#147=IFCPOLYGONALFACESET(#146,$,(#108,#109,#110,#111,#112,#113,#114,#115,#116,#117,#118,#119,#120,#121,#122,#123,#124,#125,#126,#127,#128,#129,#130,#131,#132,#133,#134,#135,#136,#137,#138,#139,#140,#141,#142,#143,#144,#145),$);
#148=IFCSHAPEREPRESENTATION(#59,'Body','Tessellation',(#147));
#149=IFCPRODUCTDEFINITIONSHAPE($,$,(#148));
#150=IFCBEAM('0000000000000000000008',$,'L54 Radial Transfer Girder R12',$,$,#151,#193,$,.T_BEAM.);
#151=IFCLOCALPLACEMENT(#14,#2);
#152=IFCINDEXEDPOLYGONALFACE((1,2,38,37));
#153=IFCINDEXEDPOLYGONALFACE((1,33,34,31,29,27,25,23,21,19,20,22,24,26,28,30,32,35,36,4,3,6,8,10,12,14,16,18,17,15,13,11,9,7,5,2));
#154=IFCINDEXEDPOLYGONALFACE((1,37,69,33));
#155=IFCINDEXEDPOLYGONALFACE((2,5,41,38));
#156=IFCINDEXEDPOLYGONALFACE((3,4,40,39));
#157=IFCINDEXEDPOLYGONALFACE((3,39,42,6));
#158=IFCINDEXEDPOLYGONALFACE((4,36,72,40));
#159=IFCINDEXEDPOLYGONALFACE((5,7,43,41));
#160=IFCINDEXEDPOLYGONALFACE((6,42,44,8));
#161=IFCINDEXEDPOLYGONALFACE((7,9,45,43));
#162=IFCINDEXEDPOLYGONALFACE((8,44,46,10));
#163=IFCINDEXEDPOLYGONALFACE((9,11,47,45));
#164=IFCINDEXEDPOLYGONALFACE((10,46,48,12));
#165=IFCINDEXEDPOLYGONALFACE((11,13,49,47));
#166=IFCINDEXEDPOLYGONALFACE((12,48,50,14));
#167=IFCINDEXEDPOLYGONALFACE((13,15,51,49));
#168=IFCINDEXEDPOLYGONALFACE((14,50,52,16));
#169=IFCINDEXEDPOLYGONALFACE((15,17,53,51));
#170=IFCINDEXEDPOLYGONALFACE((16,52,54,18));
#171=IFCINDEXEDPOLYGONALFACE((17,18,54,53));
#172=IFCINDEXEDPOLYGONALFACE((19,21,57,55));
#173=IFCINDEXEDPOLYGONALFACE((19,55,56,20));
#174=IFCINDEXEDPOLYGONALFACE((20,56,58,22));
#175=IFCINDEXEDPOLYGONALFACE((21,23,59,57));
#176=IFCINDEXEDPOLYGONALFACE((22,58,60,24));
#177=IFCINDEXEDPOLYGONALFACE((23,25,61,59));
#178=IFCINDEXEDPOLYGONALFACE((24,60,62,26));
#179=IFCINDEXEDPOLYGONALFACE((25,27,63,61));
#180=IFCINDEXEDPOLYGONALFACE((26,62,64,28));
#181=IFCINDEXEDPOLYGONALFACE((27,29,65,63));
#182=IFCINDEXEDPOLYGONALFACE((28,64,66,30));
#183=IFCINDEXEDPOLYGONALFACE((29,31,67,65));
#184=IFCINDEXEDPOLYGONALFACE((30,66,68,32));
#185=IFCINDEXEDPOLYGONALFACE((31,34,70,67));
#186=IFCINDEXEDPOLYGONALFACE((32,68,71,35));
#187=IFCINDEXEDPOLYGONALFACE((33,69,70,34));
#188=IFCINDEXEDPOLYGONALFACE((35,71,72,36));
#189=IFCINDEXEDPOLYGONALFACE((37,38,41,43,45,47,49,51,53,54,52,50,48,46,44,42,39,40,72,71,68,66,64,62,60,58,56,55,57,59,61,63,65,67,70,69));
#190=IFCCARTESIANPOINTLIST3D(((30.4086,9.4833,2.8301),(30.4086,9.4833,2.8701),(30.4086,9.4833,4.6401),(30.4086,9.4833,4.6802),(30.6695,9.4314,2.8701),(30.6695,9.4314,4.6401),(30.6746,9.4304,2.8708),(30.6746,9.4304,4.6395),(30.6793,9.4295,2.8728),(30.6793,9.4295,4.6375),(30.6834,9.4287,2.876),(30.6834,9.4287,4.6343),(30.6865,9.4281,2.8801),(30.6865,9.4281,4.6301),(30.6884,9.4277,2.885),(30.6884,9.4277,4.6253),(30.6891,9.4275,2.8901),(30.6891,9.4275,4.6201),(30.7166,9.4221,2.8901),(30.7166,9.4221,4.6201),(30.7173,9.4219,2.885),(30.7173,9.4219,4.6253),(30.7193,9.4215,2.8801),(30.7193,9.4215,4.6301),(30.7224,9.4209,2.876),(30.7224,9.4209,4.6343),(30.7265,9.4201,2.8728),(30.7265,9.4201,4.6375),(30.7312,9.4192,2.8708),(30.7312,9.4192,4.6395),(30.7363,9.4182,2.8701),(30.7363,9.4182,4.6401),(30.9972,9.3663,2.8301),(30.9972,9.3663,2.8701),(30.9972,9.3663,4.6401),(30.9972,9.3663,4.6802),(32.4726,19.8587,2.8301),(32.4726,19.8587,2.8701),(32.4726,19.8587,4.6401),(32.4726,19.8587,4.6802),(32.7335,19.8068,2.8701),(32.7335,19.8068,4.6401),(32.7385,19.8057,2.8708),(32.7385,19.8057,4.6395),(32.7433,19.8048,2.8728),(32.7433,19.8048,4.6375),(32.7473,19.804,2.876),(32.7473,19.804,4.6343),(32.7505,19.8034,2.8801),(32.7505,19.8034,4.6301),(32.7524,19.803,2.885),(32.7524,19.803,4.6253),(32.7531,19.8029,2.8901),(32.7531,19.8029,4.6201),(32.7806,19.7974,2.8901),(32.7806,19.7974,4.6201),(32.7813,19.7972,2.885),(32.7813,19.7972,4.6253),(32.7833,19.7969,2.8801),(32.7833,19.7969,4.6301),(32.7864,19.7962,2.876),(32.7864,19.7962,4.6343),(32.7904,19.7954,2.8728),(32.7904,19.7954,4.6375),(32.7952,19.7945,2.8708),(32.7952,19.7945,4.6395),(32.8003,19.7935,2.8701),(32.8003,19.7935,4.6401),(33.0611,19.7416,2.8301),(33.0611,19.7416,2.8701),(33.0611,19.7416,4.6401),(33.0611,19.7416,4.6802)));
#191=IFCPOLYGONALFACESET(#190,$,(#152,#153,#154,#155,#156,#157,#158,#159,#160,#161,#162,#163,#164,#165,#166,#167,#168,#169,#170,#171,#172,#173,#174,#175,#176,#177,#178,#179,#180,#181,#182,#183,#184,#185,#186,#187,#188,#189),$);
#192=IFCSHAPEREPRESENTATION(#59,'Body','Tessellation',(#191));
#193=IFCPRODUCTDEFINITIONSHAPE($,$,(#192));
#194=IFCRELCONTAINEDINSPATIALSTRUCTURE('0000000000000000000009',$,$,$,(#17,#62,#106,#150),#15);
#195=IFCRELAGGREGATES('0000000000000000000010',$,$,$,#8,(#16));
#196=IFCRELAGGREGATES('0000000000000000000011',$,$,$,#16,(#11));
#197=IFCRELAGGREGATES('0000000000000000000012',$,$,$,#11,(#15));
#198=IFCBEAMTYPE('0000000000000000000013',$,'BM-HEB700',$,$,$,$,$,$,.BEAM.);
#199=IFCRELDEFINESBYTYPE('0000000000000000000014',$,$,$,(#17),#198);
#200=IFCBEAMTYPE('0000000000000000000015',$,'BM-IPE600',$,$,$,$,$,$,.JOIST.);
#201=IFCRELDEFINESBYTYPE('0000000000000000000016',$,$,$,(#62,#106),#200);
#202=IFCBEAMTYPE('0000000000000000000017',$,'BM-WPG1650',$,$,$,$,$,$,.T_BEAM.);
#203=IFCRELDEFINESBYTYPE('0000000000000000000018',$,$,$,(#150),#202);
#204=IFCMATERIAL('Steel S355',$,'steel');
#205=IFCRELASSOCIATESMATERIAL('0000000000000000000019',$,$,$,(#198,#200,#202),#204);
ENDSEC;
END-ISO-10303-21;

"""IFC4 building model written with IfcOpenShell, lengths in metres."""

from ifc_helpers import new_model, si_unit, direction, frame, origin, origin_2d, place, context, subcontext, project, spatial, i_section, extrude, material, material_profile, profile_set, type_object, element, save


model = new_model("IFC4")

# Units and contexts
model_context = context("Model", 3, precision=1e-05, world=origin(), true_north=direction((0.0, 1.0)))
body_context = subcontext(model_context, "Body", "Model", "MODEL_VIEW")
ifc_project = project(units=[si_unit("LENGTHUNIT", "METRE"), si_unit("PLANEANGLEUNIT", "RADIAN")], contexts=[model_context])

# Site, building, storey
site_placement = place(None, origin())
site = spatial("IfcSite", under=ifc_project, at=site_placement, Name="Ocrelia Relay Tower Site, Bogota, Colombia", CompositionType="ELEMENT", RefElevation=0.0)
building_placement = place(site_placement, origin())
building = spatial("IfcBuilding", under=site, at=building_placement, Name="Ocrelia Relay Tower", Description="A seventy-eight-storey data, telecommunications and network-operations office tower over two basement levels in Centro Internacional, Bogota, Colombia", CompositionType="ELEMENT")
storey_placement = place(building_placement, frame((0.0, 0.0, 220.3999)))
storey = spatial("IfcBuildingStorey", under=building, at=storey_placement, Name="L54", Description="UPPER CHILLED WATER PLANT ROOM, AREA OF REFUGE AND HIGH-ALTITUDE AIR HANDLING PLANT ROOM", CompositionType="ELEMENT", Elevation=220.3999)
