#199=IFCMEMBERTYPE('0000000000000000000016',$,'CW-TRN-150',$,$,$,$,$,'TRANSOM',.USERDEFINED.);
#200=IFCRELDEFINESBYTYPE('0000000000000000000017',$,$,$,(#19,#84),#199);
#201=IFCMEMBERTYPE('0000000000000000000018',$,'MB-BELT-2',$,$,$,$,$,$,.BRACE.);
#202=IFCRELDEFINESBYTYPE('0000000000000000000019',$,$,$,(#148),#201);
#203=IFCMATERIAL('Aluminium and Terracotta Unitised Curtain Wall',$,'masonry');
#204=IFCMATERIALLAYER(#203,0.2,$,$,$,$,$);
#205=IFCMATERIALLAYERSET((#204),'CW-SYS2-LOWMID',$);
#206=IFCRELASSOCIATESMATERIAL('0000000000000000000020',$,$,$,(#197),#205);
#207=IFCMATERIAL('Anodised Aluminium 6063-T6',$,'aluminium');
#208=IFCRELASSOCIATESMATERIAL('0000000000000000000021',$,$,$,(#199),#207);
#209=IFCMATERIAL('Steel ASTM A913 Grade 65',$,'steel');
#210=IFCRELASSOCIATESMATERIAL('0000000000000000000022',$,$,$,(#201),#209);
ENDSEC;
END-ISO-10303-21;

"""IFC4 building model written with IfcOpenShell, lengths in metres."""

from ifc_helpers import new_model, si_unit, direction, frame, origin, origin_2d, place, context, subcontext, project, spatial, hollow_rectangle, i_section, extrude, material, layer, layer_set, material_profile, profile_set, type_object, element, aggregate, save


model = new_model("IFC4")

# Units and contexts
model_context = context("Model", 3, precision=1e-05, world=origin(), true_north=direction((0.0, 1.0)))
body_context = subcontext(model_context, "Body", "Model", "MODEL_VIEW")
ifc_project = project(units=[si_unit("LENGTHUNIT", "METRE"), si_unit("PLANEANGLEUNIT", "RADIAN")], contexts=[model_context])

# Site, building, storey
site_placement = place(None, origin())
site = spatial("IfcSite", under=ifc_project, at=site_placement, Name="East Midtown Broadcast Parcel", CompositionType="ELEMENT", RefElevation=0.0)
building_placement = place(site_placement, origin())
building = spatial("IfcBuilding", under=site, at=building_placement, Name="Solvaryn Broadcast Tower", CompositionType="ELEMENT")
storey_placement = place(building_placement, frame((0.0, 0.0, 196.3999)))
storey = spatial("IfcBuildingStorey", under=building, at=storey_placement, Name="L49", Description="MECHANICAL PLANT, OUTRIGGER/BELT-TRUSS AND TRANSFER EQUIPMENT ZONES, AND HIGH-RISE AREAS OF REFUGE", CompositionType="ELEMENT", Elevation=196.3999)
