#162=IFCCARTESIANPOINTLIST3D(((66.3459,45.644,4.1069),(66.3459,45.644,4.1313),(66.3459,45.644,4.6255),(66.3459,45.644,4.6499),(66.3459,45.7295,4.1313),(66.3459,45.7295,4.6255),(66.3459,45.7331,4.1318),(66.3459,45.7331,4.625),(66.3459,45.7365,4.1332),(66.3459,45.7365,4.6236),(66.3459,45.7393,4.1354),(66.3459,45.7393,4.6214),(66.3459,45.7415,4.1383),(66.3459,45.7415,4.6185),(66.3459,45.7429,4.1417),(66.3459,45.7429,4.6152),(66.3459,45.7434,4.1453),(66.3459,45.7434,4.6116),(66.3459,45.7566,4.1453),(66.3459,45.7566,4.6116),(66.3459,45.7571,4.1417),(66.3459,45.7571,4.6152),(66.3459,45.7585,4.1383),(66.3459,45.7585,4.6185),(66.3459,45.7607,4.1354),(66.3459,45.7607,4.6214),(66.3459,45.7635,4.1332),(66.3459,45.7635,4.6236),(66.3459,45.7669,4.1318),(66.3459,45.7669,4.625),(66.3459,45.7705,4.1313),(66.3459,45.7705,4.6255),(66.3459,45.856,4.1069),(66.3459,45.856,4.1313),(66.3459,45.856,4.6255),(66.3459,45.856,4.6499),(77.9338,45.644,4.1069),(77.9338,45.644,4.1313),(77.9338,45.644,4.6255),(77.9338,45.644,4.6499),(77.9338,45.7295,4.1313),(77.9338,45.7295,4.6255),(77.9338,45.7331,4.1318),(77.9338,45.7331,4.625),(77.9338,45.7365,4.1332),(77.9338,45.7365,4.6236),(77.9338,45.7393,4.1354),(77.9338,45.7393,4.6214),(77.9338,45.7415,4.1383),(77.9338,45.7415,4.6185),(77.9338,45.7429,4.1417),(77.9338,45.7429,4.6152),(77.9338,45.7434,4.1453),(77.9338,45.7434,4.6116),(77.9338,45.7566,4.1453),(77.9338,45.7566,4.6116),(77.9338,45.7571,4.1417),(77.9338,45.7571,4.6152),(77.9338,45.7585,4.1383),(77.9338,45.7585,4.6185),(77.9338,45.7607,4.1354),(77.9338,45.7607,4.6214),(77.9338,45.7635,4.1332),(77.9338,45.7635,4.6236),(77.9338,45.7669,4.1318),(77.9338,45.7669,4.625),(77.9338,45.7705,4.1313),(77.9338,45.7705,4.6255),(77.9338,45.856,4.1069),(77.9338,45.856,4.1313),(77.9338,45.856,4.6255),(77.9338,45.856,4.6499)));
--- --- ---
TASK DESCRIPTION
Would you copy out exactly the lines above that start at the one containing "#161=IFCINDEXEDPOLYGONALFACE((7,9,45,43));" and end at the one containing "#170=IFCINDEXEDPOLYGONALFACE((16,52,54,18));", inclusive?

OUTPUT OF THE EXERCISE
#161=IFCINDEXEDPOLYGONALFACE((7,9,45,43));
#162=IFCINDEXEDPOLYGONALFACE((8,44,46,10));
#163=IFCINDEXEDPOLYGONALFACE((9,11,47,45));
#164=IFCINDEXEDPOLYGONALFACE((10,46,48,12));
#165=IFCINDEXEDPOLYGONALFACE((11,13,49,47));
#166=IFCINDEXEDPOLYGONALFACE((12,48,50,14));
#167=IFCINDEXEDPOLYGONALFACE((13,15,51,49));
#168=IFCINDEXEDPOLYGONALFACE((14,50,52,16));
#169=IFCINDEXEDPOLYGONALFACE((15,17,53,51));
#170=IFCINDEXEDPOLYGONALFACE((16,52,54,18));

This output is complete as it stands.